Dataset entries

* * * * * * *

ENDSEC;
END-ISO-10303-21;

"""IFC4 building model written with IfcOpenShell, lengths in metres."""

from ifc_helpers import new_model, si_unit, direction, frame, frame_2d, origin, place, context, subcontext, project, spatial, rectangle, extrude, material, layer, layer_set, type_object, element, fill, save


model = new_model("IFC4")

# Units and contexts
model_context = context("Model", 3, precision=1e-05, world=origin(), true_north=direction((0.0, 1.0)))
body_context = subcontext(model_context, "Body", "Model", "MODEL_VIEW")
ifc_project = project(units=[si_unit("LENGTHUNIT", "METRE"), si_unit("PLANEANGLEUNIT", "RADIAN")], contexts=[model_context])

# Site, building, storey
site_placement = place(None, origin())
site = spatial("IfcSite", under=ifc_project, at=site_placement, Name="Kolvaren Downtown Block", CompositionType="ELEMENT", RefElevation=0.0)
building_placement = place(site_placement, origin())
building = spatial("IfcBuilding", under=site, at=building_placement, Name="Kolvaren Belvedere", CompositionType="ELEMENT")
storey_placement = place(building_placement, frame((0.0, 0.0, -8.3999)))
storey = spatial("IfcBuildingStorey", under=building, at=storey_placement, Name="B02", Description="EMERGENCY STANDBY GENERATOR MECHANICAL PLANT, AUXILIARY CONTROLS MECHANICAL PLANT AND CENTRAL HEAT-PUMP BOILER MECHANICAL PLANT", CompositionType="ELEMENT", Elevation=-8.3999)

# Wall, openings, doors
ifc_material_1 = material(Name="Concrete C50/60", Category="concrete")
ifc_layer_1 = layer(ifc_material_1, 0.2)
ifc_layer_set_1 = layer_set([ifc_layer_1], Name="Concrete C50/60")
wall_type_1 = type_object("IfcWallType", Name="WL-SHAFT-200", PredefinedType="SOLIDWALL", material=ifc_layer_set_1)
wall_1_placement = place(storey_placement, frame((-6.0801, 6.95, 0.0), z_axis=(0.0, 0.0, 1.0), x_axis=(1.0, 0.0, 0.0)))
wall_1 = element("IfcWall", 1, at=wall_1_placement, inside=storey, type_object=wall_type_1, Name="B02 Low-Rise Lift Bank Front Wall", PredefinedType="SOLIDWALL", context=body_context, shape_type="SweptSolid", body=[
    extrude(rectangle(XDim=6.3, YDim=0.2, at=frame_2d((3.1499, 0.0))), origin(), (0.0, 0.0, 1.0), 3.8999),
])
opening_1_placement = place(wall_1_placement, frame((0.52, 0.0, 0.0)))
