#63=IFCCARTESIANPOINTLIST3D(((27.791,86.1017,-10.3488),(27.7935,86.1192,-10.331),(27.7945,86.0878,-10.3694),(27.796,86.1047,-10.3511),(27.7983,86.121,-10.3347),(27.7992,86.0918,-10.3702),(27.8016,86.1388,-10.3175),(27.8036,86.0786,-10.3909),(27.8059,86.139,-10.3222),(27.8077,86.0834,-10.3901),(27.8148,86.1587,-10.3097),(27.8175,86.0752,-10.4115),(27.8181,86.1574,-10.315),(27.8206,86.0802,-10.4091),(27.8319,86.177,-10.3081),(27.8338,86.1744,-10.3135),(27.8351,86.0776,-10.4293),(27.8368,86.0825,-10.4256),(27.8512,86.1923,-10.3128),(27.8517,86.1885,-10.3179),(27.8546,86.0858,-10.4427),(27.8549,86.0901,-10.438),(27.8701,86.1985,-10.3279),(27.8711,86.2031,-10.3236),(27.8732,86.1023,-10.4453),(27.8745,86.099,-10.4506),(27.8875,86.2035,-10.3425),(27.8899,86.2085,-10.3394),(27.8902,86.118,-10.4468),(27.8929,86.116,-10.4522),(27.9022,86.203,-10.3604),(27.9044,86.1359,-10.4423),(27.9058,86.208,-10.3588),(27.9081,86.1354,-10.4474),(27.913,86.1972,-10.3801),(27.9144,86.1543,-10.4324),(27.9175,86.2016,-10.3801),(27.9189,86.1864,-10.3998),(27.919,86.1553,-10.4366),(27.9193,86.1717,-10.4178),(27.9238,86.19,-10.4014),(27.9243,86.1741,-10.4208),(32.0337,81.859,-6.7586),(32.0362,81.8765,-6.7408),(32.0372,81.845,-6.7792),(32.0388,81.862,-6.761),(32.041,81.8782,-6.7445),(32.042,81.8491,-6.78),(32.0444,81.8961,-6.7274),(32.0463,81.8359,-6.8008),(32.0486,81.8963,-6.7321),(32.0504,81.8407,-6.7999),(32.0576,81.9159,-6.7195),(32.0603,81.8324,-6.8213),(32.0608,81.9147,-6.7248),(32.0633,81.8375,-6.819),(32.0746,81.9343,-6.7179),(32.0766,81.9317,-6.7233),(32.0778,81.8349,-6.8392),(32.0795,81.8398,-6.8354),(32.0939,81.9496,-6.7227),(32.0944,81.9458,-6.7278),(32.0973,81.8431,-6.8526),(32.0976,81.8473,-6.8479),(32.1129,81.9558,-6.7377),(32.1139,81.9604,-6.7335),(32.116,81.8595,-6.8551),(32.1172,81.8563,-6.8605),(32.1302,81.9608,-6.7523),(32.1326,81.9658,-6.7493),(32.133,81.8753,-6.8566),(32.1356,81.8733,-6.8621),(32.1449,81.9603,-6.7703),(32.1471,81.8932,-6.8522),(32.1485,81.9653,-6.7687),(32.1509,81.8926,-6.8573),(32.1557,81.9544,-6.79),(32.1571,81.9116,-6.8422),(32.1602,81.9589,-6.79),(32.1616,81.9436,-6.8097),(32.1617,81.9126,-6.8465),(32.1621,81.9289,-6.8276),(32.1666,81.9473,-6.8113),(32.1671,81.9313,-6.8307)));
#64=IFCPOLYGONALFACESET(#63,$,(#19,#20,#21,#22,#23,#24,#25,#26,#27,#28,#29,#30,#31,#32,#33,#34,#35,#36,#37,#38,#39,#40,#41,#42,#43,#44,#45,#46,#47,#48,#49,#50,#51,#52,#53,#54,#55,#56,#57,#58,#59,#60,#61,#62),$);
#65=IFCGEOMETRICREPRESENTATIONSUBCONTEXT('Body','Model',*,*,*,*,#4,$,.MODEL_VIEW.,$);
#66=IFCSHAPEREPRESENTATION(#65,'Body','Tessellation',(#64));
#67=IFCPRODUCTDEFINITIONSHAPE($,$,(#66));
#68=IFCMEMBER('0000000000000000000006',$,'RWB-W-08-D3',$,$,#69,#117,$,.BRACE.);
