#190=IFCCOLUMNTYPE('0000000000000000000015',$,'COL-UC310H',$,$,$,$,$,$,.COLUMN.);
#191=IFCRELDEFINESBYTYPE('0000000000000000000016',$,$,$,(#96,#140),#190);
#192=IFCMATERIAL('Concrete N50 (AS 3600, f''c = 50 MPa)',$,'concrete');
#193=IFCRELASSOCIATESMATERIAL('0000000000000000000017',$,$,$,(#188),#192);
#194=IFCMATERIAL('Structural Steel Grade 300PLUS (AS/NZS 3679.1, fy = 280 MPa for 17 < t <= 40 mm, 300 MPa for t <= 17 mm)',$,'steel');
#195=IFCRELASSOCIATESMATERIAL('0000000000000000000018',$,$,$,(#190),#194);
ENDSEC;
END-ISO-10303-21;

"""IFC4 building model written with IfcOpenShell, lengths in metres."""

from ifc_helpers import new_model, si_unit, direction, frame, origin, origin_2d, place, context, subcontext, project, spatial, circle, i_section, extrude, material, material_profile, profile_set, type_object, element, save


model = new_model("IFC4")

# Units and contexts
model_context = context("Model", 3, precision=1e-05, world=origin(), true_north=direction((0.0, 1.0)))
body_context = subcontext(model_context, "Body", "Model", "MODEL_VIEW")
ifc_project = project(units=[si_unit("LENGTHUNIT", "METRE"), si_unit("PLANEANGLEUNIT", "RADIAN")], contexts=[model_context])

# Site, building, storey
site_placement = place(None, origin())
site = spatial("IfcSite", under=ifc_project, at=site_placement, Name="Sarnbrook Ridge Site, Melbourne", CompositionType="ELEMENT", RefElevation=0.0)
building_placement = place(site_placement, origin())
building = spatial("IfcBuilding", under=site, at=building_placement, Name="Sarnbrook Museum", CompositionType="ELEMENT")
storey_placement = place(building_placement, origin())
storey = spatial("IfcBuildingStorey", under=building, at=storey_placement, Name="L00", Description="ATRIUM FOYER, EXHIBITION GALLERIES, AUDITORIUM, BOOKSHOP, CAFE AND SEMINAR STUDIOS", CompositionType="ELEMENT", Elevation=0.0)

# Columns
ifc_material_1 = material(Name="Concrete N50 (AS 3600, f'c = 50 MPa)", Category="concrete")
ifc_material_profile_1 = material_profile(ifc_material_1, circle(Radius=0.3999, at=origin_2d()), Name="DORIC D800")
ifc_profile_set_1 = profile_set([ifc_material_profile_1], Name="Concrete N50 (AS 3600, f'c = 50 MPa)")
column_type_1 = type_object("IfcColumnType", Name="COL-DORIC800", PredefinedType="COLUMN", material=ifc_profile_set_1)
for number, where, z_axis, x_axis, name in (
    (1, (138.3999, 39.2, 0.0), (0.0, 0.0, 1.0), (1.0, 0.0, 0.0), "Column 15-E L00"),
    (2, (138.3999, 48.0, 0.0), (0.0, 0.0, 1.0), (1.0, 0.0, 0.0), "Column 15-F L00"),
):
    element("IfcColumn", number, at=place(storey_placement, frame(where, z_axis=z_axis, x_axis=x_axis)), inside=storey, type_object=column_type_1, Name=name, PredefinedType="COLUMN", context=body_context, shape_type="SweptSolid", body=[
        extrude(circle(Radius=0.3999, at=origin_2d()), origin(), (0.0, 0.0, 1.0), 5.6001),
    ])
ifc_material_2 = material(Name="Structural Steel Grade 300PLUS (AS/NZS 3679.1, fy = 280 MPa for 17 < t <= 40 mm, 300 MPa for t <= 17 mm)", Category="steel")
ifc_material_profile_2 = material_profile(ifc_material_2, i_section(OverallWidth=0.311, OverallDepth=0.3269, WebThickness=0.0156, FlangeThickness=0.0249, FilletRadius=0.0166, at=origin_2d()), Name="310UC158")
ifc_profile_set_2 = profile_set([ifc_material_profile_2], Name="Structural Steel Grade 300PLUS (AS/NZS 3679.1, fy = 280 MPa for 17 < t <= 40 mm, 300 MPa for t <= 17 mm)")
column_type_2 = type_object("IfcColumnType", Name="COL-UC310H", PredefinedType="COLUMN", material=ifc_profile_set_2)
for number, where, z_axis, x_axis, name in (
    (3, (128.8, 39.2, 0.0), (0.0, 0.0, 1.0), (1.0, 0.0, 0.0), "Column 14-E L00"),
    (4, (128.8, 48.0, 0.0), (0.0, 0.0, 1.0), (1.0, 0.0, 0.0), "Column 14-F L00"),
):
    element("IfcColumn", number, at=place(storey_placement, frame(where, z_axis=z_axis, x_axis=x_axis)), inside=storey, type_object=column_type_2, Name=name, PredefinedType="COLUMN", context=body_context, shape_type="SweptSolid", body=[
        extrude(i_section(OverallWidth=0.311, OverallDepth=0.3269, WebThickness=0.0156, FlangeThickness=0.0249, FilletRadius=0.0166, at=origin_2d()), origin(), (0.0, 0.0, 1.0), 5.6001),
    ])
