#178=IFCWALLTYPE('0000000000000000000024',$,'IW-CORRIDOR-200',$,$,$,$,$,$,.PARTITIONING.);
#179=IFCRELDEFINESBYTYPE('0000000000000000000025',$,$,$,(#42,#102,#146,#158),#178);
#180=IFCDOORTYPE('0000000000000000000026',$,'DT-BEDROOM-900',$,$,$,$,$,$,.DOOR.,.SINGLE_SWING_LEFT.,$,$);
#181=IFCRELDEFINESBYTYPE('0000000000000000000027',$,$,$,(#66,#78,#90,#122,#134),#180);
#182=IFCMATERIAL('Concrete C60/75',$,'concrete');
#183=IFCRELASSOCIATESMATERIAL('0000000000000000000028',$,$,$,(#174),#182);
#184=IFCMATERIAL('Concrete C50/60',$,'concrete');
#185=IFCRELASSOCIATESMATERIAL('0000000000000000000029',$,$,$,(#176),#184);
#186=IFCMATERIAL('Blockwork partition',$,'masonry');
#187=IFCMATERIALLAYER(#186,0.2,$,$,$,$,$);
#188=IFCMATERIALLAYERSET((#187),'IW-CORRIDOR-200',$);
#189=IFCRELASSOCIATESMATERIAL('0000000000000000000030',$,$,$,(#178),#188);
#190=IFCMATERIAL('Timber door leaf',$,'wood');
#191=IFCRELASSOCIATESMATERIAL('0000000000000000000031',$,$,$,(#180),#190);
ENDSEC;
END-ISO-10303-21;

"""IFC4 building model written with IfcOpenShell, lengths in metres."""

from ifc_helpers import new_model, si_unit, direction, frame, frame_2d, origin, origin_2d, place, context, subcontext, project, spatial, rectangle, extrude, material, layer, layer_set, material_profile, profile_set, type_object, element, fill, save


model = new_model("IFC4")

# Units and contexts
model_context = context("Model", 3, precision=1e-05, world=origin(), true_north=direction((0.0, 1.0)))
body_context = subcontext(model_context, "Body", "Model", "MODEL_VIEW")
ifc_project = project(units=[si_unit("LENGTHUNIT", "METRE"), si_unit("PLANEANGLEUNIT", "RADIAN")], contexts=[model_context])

* * * * * * *

What is being asked: From the records above, copy every line that includes the word "Sarnbrook".

Written answer:
site = spatial("IfcSite", under=ifc_project, at=site_placement, Name="Sarnbrook Ridge Site, Melbourne", CompositionType="ELEMENT", RefElevation=0.0)
building = spatial("IfcBuilding", under=site, at=building_placement, Name="Sarnbrook Museum", CompositionType="ELEMENT")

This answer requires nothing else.